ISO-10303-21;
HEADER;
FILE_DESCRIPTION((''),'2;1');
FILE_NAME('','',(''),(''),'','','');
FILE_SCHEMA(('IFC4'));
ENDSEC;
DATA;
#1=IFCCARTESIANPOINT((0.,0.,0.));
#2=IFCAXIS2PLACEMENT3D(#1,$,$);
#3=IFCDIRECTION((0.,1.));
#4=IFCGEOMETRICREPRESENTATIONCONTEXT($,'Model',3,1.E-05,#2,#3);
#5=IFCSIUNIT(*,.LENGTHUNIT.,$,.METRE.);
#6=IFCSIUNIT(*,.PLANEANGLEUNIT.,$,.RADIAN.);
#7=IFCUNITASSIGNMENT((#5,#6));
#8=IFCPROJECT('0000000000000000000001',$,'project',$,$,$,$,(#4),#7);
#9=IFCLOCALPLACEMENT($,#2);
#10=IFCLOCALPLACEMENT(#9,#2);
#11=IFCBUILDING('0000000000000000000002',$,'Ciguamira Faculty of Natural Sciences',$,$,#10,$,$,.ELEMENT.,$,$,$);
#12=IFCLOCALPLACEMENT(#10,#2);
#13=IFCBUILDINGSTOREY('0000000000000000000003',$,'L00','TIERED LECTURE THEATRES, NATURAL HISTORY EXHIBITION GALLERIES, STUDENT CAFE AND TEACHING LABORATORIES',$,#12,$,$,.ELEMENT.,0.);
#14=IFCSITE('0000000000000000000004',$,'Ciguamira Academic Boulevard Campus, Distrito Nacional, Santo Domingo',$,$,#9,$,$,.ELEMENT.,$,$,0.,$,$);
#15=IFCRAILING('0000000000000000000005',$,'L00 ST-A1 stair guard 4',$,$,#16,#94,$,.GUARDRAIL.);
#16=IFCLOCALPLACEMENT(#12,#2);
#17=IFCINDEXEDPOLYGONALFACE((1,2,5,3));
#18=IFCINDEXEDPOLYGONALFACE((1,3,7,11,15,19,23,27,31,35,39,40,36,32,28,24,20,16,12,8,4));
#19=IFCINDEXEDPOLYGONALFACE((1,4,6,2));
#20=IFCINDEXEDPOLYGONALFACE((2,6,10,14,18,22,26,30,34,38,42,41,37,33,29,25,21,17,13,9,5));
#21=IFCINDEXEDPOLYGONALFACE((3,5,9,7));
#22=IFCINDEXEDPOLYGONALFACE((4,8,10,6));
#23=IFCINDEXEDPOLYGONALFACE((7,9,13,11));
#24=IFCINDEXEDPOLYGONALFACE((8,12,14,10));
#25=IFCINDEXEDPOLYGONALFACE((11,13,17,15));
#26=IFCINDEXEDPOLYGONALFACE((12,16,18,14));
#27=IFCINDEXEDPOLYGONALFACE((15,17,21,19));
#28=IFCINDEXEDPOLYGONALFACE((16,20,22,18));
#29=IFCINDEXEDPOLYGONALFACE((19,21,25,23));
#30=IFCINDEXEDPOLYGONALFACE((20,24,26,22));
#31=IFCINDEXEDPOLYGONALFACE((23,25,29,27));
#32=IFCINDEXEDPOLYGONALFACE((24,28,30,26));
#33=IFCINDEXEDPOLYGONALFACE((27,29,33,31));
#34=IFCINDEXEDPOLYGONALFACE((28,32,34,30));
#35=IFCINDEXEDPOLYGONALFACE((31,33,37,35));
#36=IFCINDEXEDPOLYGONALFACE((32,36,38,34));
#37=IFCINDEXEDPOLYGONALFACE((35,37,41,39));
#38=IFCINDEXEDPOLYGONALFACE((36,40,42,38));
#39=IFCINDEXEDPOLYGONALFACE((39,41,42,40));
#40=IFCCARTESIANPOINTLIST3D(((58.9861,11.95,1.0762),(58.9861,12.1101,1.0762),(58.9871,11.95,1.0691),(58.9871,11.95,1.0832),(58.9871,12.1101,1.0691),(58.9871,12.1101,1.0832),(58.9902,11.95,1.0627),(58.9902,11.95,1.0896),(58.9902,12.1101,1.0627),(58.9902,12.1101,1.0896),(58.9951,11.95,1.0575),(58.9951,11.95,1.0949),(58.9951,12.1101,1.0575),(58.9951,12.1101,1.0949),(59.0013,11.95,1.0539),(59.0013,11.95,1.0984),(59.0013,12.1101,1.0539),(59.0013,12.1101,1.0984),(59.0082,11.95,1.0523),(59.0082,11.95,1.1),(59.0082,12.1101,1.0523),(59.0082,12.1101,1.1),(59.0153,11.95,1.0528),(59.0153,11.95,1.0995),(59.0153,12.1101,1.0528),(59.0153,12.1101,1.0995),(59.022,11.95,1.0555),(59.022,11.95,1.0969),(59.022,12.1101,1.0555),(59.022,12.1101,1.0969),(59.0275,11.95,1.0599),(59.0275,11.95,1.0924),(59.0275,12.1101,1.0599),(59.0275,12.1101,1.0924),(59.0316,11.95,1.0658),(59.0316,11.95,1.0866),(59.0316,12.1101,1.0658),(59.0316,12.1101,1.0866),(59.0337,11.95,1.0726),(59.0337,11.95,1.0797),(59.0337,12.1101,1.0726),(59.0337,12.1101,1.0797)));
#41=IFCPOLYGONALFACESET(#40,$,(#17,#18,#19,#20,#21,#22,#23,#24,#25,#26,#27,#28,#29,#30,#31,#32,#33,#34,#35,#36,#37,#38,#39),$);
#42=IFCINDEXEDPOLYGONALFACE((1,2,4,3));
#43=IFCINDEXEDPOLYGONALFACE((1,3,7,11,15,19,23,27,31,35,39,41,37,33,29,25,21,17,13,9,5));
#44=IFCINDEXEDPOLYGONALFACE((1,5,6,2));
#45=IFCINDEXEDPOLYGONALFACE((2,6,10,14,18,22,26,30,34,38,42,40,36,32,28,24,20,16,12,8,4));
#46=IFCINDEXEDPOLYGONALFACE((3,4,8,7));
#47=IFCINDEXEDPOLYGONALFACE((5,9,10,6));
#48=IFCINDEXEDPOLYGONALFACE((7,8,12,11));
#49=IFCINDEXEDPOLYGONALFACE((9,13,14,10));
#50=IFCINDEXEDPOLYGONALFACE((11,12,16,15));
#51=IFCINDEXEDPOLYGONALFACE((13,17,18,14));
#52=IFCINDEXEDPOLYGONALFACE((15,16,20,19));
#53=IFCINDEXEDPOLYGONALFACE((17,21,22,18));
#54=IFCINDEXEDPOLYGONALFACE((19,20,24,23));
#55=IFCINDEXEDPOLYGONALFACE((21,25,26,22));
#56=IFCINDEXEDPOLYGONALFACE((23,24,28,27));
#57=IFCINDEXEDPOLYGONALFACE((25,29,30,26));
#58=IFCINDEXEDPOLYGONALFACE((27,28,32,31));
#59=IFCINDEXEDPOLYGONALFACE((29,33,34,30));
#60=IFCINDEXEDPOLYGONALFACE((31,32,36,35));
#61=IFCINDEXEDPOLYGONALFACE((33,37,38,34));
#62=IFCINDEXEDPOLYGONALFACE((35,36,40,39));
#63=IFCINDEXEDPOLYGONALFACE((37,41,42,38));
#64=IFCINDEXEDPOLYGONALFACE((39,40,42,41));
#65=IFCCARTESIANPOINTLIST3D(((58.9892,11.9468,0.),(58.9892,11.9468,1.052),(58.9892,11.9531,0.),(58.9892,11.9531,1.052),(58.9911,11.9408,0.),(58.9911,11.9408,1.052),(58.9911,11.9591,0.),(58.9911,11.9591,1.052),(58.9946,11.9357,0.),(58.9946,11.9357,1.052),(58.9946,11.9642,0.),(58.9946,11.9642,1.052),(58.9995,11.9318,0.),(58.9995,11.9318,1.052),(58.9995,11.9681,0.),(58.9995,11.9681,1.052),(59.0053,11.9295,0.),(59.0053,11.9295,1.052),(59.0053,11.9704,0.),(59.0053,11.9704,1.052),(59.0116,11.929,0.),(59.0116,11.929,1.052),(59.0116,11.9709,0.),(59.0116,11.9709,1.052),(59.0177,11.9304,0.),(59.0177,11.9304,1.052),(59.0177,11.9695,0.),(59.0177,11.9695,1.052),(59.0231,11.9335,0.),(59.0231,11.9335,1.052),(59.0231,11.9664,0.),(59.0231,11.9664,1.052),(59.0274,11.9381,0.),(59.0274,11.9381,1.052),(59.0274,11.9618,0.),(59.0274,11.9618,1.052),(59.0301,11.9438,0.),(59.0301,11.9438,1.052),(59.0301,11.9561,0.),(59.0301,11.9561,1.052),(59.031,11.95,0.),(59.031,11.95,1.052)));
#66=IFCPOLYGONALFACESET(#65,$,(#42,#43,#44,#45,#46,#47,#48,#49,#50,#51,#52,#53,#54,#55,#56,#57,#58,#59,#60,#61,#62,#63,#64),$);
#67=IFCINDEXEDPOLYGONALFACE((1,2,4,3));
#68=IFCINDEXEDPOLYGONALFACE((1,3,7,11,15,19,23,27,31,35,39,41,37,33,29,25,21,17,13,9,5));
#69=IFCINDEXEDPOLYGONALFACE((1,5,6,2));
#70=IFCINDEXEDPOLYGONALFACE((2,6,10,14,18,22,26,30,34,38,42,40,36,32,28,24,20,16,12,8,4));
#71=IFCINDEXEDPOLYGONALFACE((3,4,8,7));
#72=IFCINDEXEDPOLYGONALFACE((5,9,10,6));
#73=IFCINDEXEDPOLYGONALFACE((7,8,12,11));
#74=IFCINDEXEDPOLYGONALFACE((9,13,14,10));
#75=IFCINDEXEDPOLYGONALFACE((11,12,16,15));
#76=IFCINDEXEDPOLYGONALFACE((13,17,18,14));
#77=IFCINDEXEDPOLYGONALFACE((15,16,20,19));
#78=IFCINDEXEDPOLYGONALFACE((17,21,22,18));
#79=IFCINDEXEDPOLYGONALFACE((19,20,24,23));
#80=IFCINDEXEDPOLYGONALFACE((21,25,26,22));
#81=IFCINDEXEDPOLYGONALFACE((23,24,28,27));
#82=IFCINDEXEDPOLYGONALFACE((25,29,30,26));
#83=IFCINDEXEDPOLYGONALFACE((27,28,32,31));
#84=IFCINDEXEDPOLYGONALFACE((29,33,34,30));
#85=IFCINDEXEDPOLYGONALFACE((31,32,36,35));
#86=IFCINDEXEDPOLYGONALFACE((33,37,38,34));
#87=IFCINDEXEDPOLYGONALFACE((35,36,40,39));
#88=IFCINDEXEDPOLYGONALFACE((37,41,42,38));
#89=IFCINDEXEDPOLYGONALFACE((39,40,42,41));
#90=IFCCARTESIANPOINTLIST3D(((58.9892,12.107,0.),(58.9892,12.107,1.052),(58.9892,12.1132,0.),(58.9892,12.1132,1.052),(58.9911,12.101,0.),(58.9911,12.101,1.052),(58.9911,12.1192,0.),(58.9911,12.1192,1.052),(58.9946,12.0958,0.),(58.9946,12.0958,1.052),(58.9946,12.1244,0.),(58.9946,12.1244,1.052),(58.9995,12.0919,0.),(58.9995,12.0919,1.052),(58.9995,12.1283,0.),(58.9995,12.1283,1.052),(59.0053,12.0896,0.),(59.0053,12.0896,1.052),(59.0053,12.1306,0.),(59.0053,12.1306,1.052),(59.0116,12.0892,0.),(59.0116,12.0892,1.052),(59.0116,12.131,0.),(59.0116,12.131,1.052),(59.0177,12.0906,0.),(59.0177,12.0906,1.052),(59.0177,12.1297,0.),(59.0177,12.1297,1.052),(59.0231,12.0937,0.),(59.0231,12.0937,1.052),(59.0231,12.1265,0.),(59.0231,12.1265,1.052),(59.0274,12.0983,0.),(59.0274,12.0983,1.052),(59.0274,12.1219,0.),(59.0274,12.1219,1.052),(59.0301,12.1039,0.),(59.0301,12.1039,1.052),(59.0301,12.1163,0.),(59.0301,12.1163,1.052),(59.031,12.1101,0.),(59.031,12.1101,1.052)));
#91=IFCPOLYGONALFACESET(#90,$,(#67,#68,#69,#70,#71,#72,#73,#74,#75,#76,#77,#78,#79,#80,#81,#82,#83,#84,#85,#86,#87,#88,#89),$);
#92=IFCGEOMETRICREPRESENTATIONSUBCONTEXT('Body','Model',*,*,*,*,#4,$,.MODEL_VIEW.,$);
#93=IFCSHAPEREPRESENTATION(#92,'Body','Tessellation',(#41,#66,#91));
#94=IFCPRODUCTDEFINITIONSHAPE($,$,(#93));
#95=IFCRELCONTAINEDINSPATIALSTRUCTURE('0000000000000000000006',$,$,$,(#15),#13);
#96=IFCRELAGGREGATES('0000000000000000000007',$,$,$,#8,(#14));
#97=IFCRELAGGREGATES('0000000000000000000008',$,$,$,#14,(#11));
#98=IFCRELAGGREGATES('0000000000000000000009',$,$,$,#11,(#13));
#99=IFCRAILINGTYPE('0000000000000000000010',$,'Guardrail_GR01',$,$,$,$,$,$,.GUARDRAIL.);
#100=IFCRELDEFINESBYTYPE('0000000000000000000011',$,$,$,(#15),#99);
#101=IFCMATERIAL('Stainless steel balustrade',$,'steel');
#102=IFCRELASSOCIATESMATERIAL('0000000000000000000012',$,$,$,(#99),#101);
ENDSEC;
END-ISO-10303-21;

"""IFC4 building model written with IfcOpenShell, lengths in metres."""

from ifc_helpers import new_model, si_unit, direction, frame, origin, origin_2d, place, context, subcontext, project, spatial, circle, extrude, material, type_object, element, save


model = new_model("IFC4")

# Units and contexts
model_context = context("Model", 3, precision=1e-05, world=origin(), true_north=direction((0.0, 1.0)))
body_context = subcontext(model_context, "Body", "Model", "MODEL_VIEW")
ifc_project = project(units=[si_unit("LENGTHUNIT", "METRE"), si_unit("PLANEANGLEUNIT", "RADIAN")], contexts=[model_context])

# Site, building, storey
site_placement = place(None, origin())
site = spatial("IfcSite", under=ifc_project, at=site_placement, Name="Ciguamira Academic Boulevard Campus, Distrito Nacional, Santo Domingo", CompositionType="ELEMENT", RefElevation=0.0)
building_placement = place(site_placement, origin())
building = spatial("IfcBuilding", under=site, at=building_placement, Name="Ciguamira Faculty of Natural Sciences", CompositionType="ELEMENT")
storey_placement = place(building_placement, origin())
storey = spatial("IfcBuildingStorey", under=building, at=storey_placement, Name="L00", Description="TIERED LECTURE THEATRES, NATURAL HISTORY EXHIBITION GALLERIES, STUDENT CAFE AND TEACHING LABORATORIES", CompositionType="ELEMENT", Elevation=0.0)

# Railing
ifc_material_1 = material(Name="Stainless steel balustrade", Category="steel")
railing_type_1 = type_object("IfcRailingType", Name="Guardrail_GR01", PredefinedType="GUARDRAIL", material=ifc_material_1)
railing_1_placement = place(storey_placement, frame((59.01, 11.95, 0.0)))
element("IfcRailing", 1, at=railing_1_placement, inside=storey, type_object=railing_type_1, Name="L00 ST-A1 stair guard 4", PredefinedType="GUARDRAIL", context=body_context, shape_type="SweptSolid", body=[
    extrude(circle(Radius=0.0239, at=origin_2d()), frame((0.0, 0.0, 1.0762), z_axis=(0.0, 1.0, 0.0), x_axis=(-1.0, 0.0, 0.0)), (0.0, 0.0, 1.0), 0.1602),
    extrude(circle(Radius=0.021, at=origin_2d()), origin(), (0.0, 0.0, 1.0), 1.052),
    extrude(circle(Radius=0.021, at=origin_2d()), frame((0.0, 0.1602, 0.0)), (0.0, 0.0, 1.0), 1.052),
])

save(model, "model.ifc")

(The task) Considering only the material above, set down every line from the one with "#4=IFCGEOMETRICREPRESENTATIONCONTEXT($,'Model',3,1.E-05,#2,#3);" to the one with "#12=IFCLOCALPLACEMENT(#10,#2);", inclusive, exactly as written.

(Solution below)
#4=IFCGEOMETRICREPRESENTATIONCONTEXT($,'Model',3,1.E-05,#2,#3);
#5=IFCSIUNIT(*,.LENGTHUNIT.,$,.METRE.);
#6=IFCSIUNIT(*,.PLANEANGLEUNIT.,$,.RADIAN.);
#7=IFCUNITASSIGNMENT((#5,#6));
#8=IFCPROJECT('0000000000000000000001',$,'project',$,$,$,$,(#4),#7);
#9=IFCLOCALPLACEMENT($,#2);
#10=IFCLOCALPLACEMENT(#9,#2);
#11=IFCBUILDING('0000000000000000000002',$,'Ciguamira Faculty of Natural Sciences',$,$,#10,$,$,.ELEMENT.,$,$,$);
#12=IFCLOCALPLACEMENT(#10,#2);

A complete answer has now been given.